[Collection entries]
# # #
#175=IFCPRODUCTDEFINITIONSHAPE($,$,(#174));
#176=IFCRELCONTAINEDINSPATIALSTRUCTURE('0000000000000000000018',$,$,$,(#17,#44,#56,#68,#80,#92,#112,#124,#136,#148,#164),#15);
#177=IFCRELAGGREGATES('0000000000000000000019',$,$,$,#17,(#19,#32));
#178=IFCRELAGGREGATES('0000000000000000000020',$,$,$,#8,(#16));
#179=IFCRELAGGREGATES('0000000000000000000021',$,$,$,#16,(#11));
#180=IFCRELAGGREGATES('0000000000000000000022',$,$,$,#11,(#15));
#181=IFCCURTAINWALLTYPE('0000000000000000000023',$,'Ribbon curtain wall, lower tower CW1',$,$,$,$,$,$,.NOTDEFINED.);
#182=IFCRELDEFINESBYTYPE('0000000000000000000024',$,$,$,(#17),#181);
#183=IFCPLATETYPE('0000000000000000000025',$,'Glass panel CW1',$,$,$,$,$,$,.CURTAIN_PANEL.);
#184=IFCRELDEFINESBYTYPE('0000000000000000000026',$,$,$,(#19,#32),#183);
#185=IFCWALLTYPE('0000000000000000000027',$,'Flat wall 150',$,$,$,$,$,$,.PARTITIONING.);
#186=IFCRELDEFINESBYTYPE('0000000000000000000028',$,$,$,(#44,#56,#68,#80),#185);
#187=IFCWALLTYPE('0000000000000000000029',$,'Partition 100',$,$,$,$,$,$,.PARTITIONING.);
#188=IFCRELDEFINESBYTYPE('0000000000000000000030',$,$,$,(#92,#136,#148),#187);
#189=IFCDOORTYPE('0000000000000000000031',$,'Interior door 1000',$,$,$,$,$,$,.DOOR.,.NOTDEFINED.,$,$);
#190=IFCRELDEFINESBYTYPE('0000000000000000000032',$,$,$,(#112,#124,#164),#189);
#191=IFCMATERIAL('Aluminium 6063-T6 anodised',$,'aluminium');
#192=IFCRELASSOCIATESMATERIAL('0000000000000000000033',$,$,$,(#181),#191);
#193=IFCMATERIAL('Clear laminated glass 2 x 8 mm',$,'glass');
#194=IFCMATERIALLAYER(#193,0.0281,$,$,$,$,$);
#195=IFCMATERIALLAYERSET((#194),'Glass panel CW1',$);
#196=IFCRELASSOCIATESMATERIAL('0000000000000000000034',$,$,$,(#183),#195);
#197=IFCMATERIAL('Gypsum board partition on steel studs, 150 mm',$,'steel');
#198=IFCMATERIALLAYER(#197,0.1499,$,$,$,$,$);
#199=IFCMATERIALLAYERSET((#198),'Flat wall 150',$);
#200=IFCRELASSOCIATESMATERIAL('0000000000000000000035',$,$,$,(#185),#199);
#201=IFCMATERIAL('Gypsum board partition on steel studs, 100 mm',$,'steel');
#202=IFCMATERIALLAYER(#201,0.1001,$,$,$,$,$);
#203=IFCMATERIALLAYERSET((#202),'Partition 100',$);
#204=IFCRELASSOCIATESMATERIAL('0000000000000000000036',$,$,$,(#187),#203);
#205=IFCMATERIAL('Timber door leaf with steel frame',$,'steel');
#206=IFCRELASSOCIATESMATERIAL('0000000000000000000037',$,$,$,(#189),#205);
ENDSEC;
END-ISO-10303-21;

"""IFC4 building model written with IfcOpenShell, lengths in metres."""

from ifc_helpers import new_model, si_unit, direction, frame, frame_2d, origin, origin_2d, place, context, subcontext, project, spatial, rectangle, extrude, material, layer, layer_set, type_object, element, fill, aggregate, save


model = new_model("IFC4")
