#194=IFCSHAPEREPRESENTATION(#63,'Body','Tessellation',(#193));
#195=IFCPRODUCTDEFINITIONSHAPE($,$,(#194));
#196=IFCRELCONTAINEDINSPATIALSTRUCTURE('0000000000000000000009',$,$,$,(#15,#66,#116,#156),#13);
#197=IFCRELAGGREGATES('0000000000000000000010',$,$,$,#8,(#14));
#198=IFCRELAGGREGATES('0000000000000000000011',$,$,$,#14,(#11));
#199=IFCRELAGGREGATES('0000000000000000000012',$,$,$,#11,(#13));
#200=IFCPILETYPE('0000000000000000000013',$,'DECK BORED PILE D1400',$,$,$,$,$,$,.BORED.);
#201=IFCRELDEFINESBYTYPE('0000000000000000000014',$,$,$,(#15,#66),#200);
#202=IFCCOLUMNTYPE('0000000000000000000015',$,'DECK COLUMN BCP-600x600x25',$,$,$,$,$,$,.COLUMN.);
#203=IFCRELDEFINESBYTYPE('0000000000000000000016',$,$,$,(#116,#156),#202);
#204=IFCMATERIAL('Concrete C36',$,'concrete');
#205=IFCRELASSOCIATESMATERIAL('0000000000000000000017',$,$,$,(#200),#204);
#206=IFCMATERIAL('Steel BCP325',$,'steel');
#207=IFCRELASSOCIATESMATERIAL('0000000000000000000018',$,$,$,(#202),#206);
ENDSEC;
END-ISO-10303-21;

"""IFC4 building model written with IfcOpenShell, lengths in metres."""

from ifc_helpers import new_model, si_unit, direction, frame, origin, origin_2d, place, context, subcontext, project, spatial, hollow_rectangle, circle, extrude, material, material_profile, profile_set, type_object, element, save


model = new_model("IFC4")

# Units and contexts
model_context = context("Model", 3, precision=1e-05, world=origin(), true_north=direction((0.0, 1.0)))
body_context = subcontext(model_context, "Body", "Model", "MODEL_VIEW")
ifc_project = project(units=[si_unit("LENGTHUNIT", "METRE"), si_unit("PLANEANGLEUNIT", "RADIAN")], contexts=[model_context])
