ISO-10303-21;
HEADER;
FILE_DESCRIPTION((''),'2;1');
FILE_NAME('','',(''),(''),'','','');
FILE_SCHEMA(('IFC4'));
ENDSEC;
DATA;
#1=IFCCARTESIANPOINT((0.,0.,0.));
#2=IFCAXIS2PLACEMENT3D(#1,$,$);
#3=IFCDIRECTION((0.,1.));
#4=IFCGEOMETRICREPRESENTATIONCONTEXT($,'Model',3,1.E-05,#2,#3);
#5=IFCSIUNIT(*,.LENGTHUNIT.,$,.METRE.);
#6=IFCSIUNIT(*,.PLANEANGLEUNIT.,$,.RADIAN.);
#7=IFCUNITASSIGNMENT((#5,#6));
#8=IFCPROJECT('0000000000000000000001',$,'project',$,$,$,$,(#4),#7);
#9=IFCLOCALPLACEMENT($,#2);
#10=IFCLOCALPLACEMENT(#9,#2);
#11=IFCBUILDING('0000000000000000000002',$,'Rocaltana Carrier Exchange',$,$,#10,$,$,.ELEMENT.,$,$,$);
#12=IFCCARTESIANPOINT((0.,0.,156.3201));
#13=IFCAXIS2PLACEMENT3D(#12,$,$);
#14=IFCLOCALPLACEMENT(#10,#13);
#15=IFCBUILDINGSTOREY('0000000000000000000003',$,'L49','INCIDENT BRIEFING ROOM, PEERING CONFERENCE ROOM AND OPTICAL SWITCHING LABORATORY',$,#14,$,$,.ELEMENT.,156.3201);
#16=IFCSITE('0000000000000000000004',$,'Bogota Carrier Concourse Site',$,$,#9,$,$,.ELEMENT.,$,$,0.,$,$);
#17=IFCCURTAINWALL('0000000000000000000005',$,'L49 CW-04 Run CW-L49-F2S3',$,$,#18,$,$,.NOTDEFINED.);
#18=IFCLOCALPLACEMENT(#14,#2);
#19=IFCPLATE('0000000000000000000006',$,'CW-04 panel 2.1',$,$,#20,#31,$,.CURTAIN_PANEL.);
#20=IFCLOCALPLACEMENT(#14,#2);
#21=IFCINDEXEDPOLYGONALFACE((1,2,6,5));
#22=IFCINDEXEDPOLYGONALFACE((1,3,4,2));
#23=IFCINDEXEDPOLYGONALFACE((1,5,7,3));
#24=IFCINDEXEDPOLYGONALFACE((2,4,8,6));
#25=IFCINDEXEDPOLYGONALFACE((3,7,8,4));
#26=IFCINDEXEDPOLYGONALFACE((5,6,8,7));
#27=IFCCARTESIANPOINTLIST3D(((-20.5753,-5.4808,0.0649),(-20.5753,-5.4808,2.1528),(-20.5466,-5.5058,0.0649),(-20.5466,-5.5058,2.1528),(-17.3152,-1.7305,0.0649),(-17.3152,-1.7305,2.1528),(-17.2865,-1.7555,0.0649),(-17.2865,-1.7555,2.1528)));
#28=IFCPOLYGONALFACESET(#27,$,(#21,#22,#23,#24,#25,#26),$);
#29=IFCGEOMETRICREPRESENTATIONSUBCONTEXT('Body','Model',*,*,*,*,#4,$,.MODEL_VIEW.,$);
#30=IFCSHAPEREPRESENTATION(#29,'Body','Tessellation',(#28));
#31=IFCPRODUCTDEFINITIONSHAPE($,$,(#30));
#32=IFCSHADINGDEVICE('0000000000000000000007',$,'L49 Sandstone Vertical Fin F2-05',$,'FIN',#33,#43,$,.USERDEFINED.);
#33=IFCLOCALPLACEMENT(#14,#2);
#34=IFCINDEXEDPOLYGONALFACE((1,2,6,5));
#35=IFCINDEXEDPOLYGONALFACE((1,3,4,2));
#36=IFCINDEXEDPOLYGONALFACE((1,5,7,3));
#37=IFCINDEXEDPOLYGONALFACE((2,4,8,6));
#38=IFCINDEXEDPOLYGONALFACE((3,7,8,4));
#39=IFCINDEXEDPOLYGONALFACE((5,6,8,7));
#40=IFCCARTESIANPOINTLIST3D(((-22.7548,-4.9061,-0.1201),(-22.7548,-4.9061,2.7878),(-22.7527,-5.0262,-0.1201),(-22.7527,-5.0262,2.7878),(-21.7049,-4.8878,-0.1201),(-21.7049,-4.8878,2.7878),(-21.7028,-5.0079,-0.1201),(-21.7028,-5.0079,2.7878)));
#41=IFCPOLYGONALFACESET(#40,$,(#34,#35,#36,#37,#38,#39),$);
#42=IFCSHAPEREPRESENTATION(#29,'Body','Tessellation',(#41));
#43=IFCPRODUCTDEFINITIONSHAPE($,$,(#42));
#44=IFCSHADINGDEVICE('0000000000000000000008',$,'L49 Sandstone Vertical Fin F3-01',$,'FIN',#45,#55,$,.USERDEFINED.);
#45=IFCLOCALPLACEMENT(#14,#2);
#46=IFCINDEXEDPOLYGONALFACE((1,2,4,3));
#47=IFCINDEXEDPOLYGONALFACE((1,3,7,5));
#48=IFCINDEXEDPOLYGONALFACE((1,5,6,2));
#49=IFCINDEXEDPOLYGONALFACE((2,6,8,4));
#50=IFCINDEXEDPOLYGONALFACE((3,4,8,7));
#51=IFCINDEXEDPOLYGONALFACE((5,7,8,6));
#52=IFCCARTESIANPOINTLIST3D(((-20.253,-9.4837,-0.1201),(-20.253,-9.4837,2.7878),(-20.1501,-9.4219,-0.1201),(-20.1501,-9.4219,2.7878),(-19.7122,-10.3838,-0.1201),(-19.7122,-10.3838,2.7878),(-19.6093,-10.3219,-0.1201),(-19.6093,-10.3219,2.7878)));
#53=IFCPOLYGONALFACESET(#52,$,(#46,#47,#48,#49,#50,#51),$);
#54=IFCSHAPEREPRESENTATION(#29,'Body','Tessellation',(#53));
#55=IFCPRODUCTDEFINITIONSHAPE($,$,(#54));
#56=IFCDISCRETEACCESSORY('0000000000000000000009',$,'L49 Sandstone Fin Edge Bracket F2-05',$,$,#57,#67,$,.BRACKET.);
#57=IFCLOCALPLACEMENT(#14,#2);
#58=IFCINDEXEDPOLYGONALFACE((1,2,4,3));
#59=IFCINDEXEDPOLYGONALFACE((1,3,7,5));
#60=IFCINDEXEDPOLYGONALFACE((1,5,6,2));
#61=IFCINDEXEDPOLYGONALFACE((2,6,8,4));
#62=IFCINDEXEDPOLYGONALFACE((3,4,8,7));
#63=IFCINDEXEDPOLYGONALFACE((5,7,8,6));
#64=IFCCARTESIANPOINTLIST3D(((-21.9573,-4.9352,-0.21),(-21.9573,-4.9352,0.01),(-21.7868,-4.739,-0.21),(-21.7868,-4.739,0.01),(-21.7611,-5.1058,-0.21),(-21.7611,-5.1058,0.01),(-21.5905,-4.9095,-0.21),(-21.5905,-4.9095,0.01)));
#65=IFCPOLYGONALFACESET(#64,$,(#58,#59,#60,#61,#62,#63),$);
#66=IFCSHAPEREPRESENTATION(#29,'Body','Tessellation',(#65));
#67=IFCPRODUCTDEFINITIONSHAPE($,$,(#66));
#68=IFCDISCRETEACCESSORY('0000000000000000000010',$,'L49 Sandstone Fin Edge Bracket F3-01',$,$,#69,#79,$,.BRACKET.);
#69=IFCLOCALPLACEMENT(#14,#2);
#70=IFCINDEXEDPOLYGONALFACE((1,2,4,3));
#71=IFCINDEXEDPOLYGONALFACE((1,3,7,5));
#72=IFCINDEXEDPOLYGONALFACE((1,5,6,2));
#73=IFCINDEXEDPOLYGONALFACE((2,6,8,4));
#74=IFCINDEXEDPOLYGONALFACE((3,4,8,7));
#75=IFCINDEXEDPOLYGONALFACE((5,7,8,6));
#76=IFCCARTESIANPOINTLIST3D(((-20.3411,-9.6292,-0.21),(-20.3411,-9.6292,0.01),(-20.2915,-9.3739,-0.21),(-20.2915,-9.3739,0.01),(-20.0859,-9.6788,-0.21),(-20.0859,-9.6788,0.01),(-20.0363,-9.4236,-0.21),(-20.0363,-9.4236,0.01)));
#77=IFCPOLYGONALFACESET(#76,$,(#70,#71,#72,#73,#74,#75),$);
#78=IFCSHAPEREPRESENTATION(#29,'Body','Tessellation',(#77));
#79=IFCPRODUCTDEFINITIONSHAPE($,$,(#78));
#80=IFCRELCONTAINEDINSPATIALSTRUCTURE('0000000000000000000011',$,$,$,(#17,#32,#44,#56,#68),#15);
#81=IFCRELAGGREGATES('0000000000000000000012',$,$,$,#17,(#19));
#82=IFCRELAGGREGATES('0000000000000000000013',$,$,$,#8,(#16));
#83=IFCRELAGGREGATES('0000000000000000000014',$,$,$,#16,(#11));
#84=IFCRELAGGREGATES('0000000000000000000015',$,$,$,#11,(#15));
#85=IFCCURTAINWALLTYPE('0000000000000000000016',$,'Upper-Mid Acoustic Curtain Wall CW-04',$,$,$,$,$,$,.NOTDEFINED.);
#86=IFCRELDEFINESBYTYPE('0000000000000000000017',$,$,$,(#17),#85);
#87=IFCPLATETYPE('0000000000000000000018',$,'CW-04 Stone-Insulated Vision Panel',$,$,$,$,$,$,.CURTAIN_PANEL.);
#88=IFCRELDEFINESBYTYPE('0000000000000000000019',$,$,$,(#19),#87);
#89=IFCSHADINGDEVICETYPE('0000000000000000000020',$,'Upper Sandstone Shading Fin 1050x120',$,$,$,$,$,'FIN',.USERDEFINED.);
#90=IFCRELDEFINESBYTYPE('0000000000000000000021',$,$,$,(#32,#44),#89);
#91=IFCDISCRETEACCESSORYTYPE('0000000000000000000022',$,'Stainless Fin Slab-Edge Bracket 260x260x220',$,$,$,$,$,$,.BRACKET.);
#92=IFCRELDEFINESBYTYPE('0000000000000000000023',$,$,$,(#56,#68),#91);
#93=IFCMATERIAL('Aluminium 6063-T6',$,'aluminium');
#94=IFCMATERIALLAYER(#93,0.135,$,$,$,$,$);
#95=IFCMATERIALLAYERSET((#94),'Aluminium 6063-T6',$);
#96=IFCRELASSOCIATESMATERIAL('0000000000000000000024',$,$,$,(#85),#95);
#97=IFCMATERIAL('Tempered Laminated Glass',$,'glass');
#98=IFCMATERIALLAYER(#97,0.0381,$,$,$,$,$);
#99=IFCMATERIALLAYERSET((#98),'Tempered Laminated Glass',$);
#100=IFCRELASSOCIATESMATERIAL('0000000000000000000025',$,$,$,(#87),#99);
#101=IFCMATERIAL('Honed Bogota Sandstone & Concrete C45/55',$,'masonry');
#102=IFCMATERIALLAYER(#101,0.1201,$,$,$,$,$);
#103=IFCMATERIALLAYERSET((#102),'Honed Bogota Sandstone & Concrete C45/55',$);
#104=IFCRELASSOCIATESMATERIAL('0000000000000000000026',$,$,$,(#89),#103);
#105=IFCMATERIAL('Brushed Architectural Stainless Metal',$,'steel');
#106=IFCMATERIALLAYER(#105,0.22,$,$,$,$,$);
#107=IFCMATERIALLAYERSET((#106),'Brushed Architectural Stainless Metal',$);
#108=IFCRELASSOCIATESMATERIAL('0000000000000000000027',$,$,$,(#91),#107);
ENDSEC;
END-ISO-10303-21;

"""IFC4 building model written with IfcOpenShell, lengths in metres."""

from ifc_helpers import new_model, si_unit, direction, frame, origin, origin_2d, place, context, subcontext, project, spatial, rectangle, extrude, material, layer, layer_set, type_object, element, aggregate, save


model = new_model("IFC4")

# Units and contexts
model_context = context("Model", 3, precision=1e-05, world=origin(), true_north=direction((0.0, 1.0)))
body_context = subcontext(model_context, "Body", "Model", "MODEL_VIEW")
ifc_project = project(units=[si_unit("LENGTHUNIT", "METRE"), si_unit("PLANEANGLEUNIT", "RADIAN")], contexts=[model_context])

# Site, building, storey
site_placement = place(None, origin())
site = spatial("IfcSite", under=ifc_project, at=site_placement, Name="Bogota Carrier Concourse Site", CompositionType="ELEMENT", RefElevation=0.0)
building_placement = place(site_placement, origin())
building = spatial("IfcBuilding", under=site, at=building_placement, Name="Rocaltana Carrier Exchange", CompositionType="ELEMENT")
storey_placement = place(building_placement, frame((0.0, 0.0, 156.3201)))
storey = spatial("IfcBuildingStorey", under=building, at=storey_placement, Name="L49", Description="INCIDENT BRIEFING ROOM, PEERING CONFERENCE ROOM AND OPTICAL SWITCHING LABORATORY", CompositionType="ELEMENT", Elevation=156.3201)

# Curtain wall
ifc_material_1 = material(Name="Aluminium 6063-T6", Category="aluminium")
ifc_layer_1 = layer(ifc_material_1, 0.135)
ifc_layer_set_1 = layer_set([ifc_layer_1], Name="Aluminium 6063-T6")
curtain_wall_type = type_object("IfcCurtainWallType", Name="Upper-Mid Acoustic Curtain Wall CW-04", PredefinedType="NOTDEFINED", material=ifc_layer_set_1)
curtain_wall_1_placement = place(storey_placement, origin())
curtain_wall_1 = element("IfcCurtainWall", 1, at=curtain_wall_1_placement, inside=storey, type_object=curtain_wall_type, Name="L49 CW-04 Run CW-L49-F2S3", PredefinedType="NOTDEFINED")

# Plate
ifc_material_2 = material(Name="Tempered Laminated Glass", Category="glass")
ifc_layer_2 = layer(ifc_material_2, 0.0381)
ifc_layer_set_2 = layer_set([ifc_layer_2], Name="Tempered Laminated Glass")
plate_type = type_object("IfcPlateType", Name="CW-04 Stone-Insulated Vision Panel", PredefinedType="CURTAIN_PANEL", material=ifc_layer_set_2)
plate_placement = place(storey_placement, frame((-18.9309, -3.6182, 0.0649), z_axis=(0.0, 0.0, 1.0), x_axis=(-0.656057, -0.754712, 0.0)))
plate = element("IfcPlate", 2, at=plate_placement, type_object=plate_type, Name="CW-04 panel 2.1", PredefinedType="CURTAIN_PANEL", context=body_context, shape_type="SweptSolid", body=[
    extrude(rectangle(XDim=4.9692, YDim=0.0381, at=origin_2d()), origin(), (0.0, 0.0, 1.0), 2.0879),
])
aggregate(curtain_wall_1, [plate])

# Shading devices
ifc_material_3 = material(Name="Honed Bogota Sandstone & Concrete C45/55", Category="masonry")
ifc_layer_3 = layer(ifc_material_3, 0.1201)
ifc_layer_set_3 = layer_set([ifc_layer_3], Name="Honed Bogota Sandstone & Concrete C45/55")
shading_device_type = type_object("IfcShadingDeviceType", Name="Upper Sandstone Shading Fin 1050x120", ElementType="FIN", PredefinedType="USERDEFINED", material=ifc_layer_set_3)
for number, where, z_axis, x_axis, name in (
    (3, (-22.2288, -4.957, -0.1201), (0.0, 0.0, 1.0), (-0.999848, -0.017452, 0.0), "L49 Sandstone Vertical Fin F2-05"),
    (4, (-19.9312, -9.9028, -0.1201), (0.0, 0.0, 1.0), (0.515038, -0.857167, 0.0), "L49 Sandstone Vertical Fin F3-01"),
):
    element("IfcShadingDevice", number, at=place(storey_placement, frame(where, z_axis=z_axis, x_axis=x_axis)), inside=storey, type_object=shading_device_type, Name=name, ObjectType="FIN", PredefinedType="USERDEFINED", context=body_context, shape_type="SweptSolid", body=[
        extrude(rectangle(XDim=1.05, YDim=0.1201, at=origin_2d()), origin(), (0.0, 0.0, 1.0), 2.908),
    ])

# Discrete accessories
ifc_material_4 = material(Name="Brushed Architectural Stainless Metal", Category="steel")
ifc_layer_4 = layer(ifc_material_4, 0.22)
ifc_layer_set_4 = layer_set([ifc_layer_4], Name="Brushed Architectural Stainless Metal")
discrete_accessory_type = type_object("IfcDiscreteAccessoryType", Name="Stainless Fin Slab-Edge Bracket 260x260x220", PredefinedType="BRACKET", material=ifc_layer_set_4)
for number, where, z_axis, x_axis, name in (
    (5, (-21.7739, -4.9224, -0.21), (0.0, 0.0, 1.0), (-0.656059, -0.75471, 0.0), "L49 Sandstone Fin Edge Bracket F2-05"),
    (6, (-20.1887, -9.5264, -0.21), (0.0, 0.0, 1.0), (0.981627, -0.190809, 0.0), "L49 Sandstone Fin Edge Bracket F3-01"),
):
    element("IfcDiscreteAccessory", number, at=place(storey_placement, frame(where, z_axis=z_axis, x_axis=x_axis)), inside=storey, type_object=discrete_accessory_type, Name=name, PredefinedType="BRACKET", context=body_context, shape_type="SweptSolid", body=[
        extrude(rectangle(XDim=0.26, YDim=0.26, at=origin_2d()), origin(), (0.0, 0.0, 1.0), 0.22),
    ])

save(model, "model.ifc")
# # #
▸ **Instructions to follow**:
Out of the data above, return each line where the word "IFCSHAPEREPRESENTATION" can be found.

▸ **Written solution**:
#194=IFCSHAPEREPRESENTATION(#63,'Body','Tessellation',(#193));
#30=IFCSHAPEREPRESENTATION(#29,'Body','Tessellation',(#28));
#42=IFCSHAPEREPRESENTATION(#29,'Body','Tessellation',(#41));
#54=IFCSHAPEREPRESENTATION(#29,'Body','Tessellation',(#53));
#66=IFCSHAPEREPRESENTATION(#29,'Body','Tessellation',(#65));
#78=IFCSHAPEREPRESENTATION(#29,'Body','Tessellation',(#77));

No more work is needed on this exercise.